(RECORDS FOR THE TASK):
________________________________________

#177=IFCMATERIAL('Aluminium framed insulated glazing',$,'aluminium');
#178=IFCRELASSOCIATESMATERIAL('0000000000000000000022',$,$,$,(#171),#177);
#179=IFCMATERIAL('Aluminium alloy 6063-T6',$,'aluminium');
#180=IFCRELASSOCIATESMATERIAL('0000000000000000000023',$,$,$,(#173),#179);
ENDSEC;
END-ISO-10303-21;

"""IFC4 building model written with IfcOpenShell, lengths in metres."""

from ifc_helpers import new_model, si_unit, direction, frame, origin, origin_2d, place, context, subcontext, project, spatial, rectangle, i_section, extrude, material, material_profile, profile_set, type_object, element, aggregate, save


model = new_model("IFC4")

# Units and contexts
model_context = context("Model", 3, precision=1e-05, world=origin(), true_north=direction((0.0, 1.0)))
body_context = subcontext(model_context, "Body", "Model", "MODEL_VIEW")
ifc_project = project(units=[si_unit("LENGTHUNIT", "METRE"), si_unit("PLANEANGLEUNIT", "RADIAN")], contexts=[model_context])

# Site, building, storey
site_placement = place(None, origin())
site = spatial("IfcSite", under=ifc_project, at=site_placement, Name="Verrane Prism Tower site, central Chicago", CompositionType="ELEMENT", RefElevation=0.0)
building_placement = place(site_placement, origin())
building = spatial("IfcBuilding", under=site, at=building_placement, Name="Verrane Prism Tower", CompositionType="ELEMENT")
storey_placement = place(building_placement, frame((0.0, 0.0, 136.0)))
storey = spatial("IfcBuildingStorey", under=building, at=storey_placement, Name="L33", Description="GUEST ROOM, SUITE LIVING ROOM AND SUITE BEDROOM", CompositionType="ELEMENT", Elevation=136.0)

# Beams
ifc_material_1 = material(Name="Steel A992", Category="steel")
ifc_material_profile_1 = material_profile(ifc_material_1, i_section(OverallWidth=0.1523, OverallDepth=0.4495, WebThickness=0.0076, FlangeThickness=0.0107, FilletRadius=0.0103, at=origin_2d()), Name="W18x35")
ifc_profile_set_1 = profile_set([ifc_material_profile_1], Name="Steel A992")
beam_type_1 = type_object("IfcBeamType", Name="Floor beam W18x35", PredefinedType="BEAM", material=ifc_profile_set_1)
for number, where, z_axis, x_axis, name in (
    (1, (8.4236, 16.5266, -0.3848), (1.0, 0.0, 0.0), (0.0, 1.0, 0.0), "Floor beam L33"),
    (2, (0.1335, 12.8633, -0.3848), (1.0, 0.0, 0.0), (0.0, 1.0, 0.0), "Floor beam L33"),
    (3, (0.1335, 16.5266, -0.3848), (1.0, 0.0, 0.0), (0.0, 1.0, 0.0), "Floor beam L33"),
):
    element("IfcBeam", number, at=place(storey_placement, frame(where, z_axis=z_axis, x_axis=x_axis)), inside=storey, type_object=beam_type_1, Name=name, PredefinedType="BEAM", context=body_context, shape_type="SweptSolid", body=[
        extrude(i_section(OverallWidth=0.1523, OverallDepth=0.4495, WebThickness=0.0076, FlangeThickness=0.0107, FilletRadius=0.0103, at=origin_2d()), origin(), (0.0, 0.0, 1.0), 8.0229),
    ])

________________________________________

(PROBLEM TO SOLVE): Every line in the entries above that mentions the word "FilletRadius" must be shown.

(REPLY):
ifc_material_profile_1 = material_profile(ifc_material_1, i_section(OverallWidth=0.1523, OverallDepth=0.4495, WebThickness=0.0076, FlangeThickness=0.0107, FilletRadius=0.0103, at=origin_2d()), Name="W18x35")
        extrude(i_section(OverallWidth=0.1523, OverallDepth=0.4495, WebThickness=0.0076, FlangeThickness=0.0107, FilletRadius=0.0103, at=origin_2d()), origin(), (0.0, 0.0, 1.0), 8.0229),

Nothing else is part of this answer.